Stored data entries:
________________________________________
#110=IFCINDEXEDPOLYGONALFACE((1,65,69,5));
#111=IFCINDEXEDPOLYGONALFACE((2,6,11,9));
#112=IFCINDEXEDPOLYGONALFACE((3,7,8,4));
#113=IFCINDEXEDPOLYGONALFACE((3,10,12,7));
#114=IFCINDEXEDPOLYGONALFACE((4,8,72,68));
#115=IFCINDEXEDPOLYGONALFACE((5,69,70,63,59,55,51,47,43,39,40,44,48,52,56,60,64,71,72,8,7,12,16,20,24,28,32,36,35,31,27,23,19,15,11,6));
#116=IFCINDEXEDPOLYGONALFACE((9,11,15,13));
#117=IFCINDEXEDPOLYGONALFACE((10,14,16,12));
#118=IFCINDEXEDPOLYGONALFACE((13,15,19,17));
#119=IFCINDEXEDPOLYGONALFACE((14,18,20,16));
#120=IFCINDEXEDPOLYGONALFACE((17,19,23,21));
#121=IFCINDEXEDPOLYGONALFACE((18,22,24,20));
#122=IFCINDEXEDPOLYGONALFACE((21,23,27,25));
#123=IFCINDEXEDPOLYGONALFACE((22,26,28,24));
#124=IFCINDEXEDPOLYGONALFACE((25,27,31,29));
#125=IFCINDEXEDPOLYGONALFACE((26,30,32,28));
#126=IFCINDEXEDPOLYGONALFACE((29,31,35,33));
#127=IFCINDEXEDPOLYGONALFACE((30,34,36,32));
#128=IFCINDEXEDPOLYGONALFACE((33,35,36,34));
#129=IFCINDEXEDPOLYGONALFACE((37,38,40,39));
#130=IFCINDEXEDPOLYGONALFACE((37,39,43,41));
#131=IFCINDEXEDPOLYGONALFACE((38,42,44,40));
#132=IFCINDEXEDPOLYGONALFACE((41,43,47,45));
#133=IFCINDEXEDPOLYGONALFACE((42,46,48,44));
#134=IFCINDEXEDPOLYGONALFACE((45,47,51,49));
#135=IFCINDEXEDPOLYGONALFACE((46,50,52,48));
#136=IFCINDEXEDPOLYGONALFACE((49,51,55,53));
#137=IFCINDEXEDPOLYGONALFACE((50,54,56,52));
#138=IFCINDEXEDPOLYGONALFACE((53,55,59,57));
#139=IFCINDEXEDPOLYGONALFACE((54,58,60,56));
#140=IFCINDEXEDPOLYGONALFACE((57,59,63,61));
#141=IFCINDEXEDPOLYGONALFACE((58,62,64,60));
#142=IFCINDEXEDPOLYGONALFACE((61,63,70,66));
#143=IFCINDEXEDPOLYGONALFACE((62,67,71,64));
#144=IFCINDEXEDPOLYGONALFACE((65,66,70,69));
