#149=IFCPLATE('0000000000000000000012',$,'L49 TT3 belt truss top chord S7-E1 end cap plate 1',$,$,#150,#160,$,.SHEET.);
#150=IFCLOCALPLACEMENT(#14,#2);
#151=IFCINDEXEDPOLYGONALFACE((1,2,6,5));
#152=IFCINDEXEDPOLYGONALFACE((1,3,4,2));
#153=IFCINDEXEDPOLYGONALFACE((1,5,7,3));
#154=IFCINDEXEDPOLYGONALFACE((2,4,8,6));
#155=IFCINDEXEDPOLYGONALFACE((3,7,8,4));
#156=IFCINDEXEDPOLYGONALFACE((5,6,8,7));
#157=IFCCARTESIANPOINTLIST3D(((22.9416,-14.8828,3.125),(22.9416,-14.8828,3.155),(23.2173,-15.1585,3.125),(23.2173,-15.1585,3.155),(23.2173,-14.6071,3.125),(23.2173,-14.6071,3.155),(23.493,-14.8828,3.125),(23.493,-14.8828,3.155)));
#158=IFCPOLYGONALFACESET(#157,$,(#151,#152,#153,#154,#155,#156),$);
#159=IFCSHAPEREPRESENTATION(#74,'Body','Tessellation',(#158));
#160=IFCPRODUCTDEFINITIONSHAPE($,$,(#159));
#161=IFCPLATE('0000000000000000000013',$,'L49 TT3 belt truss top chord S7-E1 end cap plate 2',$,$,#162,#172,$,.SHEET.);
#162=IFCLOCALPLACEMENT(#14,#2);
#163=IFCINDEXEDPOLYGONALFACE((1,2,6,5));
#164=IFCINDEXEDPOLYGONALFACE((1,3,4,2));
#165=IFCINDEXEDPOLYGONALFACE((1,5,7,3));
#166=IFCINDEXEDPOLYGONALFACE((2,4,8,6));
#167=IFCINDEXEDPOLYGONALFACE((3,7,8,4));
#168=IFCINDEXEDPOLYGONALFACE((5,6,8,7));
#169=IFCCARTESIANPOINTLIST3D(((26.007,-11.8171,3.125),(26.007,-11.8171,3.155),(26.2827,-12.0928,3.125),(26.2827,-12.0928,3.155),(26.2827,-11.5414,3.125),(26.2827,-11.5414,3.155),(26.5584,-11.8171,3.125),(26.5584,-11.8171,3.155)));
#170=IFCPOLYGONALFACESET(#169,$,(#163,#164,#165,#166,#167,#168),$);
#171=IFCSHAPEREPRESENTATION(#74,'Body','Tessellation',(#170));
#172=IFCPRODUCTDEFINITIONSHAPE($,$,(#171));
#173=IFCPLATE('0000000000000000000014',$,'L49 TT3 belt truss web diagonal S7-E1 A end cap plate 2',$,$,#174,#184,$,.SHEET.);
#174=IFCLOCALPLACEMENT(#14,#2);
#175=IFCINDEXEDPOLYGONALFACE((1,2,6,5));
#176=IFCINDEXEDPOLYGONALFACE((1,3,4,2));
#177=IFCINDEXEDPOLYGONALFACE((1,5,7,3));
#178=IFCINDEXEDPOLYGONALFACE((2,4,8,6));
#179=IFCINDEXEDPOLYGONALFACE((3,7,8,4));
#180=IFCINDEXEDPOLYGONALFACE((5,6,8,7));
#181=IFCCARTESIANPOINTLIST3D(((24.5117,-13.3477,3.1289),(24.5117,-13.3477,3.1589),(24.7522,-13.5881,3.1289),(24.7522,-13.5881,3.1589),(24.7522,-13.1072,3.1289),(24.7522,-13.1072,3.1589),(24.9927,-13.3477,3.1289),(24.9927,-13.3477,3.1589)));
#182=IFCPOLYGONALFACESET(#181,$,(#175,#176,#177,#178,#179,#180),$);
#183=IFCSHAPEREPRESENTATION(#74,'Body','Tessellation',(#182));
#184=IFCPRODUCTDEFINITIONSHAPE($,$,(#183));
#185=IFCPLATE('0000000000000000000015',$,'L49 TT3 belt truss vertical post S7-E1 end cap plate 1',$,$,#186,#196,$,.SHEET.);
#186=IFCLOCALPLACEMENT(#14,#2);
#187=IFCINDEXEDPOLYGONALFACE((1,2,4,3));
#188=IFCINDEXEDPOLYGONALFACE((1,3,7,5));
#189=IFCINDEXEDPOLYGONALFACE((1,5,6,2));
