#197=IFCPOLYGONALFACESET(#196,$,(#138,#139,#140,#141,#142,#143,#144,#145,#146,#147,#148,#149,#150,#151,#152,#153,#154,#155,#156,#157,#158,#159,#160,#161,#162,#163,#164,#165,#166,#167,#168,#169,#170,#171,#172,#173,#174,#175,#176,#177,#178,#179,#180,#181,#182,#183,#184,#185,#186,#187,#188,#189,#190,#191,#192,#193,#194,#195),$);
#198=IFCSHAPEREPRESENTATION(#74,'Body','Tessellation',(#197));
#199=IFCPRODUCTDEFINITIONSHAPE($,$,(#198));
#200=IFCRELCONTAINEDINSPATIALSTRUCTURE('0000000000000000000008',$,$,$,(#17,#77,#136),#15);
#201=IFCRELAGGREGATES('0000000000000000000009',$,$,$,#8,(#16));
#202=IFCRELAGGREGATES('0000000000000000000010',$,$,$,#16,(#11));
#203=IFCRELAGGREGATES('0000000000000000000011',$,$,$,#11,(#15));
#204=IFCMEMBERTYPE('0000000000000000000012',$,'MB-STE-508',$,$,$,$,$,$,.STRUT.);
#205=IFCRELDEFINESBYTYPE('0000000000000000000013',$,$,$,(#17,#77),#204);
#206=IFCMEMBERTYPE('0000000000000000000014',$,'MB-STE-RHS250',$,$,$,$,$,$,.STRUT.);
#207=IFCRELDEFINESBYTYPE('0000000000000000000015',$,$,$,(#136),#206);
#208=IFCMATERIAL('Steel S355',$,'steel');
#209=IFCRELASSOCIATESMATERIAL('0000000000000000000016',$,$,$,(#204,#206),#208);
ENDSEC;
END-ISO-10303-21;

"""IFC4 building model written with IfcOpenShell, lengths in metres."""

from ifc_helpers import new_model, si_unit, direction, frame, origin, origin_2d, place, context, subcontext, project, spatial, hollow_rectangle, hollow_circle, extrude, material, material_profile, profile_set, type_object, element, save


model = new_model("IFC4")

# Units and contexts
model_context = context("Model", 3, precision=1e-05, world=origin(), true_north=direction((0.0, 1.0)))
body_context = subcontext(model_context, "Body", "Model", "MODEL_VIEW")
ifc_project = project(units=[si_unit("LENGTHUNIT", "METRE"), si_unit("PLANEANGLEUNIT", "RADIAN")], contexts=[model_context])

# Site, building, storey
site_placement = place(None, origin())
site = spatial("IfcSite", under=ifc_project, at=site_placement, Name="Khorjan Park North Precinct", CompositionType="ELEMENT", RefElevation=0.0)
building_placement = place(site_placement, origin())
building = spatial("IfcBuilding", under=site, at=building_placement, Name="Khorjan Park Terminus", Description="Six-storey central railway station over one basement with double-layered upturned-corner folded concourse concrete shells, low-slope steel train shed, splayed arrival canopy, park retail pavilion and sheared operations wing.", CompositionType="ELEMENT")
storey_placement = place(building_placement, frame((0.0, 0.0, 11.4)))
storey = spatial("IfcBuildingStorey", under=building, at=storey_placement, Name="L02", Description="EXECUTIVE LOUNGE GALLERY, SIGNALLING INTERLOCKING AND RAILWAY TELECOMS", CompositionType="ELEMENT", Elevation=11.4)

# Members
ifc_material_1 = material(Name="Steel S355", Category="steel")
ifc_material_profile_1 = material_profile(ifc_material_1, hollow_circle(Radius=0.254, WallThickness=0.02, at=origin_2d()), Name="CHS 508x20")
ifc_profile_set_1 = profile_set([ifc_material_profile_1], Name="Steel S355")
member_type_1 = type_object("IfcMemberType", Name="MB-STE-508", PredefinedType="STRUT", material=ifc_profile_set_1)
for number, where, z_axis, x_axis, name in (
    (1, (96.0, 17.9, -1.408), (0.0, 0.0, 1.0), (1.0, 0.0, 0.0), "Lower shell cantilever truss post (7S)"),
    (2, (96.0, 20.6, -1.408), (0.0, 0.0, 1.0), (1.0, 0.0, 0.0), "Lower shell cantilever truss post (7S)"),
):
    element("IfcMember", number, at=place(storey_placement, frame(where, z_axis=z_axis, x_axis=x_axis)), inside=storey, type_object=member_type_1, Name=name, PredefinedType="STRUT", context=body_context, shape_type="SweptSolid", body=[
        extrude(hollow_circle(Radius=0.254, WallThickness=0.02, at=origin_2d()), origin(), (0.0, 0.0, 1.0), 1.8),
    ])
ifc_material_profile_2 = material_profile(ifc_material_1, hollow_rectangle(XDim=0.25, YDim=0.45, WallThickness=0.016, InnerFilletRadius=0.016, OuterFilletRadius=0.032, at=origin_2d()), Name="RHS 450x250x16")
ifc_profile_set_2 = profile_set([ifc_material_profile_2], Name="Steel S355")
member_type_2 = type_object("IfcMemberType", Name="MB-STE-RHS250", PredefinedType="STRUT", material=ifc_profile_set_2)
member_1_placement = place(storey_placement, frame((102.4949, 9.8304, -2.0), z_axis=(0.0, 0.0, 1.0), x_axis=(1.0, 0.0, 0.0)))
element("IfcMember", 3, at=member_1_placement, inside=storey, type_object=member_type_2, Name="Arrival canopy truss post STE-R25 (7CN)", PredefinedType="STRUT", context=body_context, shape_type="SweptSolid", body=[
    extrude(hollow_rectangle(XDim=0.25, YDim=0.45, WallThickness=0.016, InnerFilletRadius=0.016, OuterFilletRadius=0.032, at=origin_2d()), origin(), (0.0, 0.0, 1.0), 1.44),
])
________________________________________
The task
Search the data above for the string "contexts" and return every line that has it.

Solution
# Units and contexts
ifc_project = project(units=[si_unit("LENGTHUNIT", "METRE"), si_unit("PLANEANGLEUNIT", "RADIAN")], contexts=[model_context])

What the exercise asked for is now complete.